▶ WHAT TO PRODUCE:
Check each line of the data, and copy those where "IFCRELAGGREGATES" appears.

▶ DATA SECTION:
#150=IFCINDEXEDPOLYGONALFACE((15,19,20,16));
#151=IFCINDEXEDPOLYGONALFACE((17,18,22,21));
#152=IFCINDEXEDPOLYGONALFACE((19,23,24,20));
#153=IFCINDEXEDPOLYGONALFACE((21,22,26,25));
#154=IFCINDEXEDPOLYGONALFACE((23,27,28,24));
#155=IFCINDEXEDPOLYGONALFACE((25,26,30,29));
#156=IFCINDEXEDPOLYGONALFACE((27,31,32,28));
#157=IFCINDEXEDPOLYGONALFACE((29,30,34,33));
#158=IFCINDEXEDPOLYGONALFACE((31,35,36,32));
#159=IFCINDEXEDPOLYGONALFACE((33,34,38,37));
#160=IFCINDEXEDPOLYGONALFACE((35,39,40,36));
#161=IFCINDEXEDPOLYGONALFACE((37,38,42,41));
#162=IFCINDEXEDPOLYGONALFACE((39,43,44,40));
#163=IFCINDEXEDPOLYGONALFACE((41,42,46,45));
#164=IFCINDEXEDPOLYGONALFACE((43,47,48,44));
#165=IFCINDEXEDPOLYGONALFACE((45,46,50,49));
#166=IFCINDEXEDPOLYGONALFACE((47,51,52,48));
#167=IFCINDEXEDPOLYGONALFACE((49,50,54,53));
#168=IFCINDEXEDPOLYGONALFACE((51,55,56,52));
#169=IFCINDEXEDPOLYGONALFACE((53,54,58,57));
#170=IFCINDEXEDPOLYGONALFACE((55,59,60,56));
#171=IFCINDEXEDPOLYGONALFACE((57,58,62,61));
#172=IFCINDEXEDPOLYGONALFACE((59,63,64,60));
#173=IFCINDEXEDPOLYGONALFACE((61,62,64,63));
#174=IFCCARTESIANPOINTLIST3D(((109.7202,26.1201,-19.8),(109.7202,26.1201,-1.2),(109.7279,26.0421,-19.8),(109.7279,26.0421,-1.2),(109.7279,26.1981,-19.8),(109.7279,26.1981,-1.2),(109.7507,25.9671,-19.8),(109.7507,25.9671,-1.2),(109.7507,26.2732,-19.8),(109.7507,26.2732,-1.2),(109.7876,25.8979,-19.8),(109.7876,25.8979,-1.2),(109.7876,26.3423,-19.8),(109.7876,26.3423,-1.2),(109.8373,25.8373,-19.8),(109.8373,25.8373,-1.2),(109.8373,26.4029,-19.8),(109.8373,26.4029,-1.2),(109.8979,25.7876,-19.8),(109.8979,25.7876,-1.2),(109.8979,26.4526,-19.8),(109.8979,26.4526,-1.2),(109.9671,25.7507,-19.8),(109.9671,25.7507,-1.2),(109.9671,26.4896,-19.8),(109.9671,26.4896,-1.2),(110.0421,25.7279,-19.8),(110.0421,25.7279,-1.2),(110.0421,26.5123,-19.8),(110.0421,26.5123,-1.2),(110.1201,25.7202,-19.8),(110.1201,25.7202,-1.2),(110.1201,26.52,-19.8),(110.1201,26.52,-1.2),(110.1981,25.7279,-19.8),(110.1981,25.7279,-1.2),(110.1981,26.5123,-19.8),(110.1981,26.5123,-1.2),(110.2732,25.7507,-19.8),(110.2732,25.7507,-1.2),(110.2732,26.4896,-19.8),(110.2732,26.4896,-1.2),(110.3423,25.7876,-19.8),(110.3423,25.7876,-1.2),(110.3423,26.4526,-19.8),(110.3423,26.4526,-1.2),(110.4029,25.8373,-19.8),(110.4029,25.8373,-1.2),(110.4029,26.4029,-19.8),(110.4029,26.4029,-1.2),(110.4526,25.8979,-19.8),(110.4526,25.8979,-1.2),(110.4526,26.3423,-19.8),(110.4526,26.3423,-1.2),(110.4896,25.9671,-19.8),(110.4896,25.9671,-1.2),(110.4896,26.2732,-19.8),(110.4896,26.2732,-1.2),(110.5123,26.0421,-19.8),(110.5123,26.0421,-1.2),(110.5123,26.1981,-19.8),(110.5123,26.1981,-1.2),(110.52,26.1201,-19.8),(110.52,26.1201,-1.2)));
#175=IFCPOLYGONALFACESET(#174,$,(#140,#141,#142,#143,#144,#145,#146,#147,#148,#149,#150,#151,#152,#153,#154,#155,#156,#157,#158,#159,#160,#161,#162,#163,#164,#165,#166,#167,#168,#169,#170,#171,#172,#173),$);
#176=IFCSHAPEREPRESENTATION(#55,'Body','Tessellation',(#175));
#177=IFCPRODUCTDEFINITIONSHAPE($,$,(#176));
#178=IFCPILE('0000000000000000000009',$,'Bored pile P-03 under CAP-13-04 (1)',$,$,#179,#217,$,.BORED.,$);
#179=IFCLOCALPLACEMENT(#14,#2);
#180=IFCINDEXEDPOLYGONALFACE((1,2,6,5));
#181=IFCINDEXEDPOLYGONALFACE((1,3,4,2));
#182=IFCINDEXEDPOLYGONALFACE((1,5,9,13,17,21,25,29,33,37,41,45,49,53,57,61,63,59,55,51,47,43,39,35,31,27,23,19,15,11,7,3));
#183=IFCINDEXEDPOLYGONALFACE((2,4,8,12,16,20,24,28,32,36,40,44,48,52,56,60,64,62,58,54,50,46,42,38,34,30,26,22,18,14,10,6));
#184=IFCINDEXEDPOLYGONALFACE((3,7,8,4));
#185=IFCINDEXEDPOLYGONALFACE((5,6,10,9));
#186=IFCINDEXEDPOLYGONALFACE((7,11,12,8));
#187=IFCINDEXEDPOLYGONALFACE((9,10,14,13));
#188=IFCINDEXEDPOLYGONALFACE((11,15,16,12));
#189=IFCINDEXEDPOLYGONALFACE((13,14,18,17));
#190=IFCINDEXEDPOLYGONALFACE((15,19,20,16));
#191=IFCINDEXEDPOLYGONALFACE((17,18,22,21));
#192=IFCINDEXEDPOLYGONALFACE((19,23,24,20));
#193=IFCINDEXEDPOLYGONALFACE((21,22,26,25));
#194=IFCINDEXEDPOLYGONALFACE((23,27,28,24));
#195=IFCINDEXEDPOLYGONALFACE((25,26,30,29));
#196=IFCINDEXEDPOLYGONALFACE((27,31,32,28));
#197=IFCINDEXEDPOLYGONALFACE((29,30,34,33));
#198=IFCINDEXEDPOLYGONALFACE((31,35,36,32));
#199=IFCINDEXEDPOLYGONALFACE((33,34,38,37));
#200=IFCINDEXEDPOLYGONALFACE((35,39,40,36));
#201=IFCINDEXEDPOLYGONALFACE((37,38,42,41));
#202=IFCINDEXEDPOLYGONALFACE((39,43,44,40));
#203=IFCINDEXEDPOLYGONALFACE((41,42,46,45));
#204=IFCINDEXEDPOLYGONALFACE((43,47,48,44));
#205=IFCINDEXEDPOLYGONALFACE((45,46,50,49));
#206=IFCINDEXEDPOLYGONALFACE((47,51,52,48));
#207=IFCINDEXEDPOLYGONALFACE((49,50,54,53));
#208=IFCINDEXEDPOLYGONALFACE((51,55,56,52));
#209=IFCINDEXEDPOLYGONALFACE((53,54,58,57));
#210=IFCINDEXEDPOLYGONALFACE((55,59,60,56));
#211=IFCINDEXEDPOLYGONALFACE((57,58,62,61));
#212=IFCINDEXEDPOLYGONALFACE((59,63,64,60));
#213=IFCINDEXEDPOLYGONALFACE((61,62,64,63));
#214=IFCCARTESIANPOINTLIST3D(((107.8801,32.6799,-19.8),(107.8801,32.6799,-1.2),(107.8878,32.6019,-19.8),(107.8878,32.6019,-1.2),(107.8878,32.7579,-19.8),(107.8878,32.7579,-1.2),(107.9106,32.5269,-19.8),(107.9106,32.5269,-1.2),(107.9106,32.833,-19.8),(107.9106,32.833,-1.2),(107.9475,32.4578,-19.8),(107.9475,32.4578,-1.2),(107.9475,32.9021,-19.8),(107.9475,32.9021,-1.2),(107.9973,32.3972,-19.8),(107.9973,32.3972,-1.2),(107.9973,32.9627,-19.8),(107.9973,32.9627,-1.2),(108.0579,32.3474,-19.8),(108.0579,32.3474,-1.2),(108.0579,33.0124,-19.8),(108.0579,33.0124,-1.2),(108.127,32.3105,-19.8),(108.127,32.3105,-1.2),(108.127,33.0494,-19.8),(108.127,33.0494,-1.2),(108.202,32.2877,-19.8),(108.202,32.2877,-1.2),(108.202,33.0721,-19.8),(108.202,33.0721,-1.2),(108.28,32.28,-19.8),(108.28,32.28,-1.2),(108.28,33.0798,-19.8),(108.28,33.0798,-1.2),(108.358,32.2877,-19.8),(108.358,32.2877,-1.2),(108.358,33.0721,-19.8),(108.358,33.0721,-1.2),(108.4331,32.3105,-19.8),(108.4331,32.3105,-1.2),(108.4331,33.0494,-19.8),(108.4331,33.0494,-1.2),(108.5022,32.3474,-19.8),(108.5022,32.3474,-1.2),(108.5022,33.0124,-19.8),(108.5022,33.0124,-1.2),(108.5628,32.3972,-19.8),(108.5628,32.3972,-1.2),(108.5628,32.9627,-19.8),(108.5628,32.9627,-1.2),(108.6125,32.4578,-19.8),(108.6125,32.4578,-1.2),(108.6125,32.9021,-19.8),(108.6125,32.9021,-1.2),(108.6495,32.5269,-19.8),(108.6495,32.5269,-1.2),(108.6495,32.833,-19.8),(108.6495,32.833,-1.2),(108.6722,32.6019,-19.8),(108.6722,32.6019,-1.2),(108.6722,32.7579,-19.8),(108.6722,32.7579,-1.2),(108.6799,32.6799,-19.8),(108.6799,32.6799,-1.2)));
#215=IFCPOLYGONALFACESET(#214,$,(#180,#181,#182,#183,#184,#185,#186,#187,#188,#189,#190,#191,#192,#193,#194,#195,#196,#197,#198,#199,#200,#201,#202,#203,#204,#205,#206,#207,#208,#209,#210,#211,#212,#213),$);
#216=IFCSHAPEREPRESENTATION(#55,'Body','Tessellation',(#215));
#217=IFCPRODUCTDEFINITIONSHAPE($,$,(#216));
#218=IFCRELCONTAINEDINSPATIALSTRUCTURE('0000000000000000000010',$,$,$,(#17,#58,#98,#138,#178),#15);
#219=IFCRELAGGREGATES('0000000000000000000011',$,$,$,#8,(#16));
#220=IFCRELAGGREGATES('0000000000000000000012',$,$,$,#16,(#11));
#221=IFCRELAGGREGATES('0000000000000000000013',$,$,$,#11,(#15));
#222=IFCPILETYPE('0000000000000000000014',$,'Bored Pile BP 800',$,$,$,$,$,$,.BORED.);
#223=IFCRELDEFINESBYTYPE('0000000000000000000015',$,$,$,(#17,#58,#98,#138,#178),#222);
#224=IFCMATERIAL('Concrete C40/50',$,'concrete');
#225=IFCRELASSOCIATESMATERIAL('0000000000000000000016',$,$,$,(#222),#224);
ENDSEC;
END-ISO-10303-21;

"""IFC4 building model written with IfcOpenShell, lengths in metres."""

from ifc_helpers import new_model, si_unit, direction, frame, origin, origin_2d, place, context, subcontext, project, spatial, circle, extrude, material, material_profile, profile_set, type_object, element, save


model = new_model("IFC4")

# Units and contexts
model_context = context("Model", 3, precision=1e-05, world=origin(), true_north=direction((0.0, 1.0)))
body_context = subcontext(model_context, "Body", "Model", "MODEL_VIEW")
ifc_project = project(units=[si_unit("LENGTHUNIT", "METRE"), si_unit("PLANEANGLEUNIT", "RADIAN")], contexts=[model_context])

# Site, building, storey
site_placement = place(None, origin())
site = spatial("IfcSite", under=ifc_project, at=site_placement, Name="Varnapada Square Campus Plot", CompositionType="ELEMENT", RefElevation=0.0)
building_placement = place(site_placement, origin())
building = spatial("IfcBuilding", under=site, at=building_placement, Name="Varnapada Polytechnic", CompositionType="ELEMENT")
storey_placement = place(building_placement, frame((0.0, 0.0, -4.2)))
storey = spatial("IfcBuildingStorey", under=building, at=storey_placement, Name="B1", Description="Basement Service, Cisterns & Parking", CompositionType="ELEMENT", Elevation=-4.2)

▶ COMPLETED TASK:
#219=IFCRELAGGREGATES('0000000000000000000011',$,$,$,#8,(#16));
#220=IFCRELAGGREGATES('0000000000000000000012',$,$,$,#16,(#11));
#221=IFCRELAGGREGATES('0000000000000000000013',$,$,$,#11,(#15));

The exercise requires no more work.